Stored data
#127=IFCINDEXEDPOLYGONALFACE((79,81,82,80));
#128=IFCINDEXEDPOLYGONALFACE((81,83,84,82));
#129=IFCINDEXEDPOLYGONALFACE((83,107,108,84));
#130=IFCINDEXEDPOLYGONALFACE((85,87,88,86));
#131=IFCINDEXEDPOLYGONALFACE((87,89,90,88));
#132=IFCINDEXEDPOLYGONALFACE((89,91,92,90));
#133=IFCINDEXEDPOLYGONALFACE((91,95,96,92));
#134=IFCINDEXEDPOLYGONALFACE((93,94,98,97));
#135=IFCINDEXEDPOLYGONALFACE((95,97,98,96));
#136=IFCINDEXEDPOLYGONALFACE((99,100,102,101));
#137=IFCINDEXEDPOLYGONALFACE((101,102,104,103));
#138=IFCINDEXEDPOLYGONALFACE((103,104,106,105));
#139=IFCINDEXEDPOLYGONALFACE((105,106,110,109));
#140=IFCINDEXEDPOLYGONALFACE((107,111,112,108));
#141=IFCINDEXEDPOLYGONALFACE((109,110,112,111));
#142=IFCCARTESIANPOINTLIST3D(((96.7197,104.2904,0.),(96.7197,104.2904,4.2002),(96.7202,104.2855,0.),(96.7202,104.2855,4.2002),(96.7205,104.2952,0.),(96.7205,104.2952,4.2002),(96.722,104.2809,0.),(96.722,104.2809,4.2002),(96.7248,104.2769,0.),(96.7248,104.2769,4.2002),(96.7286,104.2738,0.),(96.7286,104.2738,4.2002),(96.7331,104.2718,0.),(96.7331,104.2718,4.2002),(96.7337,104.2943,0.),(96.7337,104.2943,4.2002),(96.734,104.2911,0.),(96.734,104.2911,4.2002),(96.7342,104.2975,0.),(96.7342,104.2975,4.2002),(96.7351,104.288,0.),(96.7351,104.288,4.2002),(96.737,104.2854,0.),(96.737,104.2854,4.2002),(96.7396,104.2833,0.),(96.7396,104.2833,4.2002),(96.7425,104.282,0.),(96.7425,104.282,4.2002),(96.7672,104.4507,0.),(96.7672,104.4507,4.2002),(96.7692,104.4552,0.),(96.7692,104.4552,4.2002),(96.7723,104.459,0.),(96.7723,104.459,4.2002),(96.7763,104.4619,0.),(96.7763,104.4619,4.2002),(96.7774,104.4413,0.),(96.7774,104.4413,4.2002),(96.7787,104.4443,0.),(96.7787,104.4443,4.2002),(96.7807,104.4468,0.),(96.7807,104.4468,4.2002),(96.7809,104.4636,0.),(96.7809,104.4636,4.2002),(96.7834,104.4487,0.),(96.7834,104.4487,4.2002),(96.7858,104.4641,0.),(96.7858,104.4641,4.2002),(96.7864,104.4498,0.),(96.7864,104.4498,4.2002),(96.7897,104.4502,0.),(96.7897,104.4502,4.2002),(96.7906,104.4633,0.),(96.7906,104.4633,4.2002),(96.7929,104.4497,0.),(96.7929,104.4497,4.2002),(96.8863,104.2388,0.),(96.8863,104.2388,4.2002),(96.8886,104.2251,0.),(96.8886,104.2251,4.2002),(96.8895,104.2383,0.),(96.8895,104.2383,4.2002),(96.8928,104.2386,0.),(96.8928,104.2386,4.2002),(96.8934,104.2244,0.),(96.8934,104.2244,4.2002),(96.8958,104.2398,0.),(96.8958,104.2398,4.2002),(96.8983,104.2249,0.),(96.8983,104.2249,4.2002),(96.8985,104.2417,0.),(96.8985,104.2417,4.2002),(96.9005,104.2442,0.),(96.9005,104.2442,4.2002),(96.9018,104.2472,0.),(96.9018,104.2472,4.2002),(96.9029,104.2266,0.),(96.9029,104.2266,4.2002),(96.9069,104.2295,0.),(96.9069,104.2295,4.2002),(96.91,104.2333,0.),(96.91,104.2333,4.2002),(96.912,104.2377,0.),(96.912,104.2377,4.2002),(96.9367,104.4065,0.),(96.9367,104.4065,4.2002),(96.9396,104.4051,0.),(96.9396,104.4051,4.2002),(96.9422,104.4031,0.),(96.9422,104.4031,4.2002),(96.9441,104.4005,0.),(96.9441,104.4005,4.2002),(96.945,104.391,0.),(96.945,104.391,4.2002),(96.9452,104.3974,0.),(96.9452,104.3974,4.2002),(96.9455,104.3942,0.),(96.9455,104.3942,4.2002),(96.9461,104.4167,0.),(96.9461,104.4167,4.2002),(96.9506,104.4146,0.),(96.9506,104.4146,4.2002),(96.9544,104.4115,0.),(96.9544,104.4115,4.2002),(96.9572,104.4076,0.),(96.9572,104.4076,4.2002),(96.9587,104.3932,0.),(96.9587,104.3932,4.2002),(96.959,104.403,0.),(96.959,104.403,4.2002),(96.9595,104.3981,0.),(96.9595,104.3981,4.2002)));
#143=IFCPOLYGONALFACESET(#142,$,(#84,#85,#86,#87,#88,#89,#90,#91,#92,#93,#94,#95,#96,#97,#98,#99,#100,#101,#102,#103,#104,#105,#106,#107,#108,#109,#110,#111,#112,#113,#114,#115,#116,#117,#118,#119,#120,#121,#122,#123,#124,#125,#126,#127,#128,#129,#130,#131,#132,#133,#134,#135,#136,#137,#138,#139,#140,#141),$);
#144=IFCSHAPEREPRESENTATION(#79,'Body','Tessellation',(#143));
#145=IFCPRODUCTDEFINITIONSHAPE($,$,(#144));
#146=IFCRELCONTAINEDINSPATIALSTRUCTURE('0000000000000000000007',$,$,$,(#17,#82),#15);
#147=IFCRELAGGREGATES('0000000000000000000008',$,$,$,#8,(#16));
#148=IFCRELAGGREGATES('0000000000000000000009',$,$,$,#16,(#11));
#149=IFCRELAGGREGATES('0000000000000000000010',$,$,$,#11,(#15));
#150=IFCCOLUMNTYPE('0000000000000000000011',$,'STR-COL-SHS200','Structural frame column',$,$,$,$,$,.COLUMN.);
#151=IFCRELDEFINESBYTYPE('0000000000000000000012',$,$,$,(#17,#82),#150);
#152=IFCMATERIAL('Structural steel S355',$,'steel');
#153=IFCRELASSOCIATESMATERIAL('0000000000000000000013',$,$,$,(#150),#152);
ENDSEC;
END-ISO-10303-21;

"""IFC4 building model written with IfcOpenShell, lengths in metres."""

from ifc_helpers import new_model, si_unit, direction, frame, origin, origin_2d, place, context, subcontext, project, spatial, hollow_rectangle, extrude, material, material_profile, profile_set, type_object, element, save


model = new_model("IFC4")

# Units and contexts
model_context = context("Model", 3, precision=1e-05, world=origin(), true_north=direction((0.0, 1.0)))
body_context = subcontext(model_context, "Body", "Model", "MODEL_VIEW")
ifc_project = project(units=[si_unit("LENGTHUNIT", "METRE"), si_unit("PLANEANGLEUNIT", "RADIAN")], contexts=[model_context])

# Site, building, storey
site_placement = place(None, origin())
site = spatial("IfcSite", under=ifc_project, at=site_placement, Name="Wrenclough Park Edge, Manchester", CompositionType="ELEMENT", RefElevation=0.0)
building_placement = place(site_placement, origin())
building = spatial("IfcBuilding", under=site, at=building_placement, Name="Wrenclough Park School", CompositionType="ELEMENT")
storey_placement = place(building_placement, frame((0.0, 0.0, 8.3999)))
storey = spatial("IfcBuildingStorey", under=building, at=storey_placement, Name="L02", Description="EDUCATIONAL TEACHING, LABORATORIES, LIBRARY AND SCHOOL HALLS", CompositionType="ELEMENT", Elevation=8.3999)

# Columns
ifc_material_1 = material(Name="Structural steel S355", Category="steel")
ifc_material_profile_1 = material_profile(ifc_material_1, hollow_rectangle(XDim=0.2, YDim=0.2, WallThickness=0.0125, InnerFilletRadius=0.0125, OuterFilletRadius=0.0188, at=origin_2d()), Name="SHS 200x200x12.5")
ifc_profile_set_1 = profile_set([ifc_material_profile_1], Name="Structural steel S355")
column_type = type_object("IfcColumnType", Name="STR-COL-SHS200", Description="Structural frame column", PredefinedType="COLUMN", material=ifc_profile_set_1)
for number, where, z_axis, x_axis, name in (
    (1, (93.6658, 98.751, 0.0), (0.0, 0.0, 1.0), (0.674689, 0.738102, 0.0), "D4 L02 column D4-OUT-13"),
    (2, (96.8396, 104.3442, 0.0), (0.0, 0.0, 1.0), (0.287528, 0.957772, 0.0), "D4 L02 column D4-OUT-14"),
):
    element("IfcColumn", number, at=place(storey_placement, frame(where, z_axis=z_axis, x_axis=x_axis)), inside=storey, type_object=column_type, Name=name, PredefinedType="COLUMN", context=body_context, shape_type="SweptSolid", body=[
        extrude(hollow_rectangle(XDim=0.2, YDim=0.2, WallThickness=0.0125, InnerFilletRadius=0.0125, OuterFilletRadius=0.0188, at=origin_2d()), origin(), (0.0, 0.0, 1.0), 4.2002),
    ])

→ **Problem to work on**
Report how many lines of the data contain the word "YDim", using the number alone.

→ **Output**
2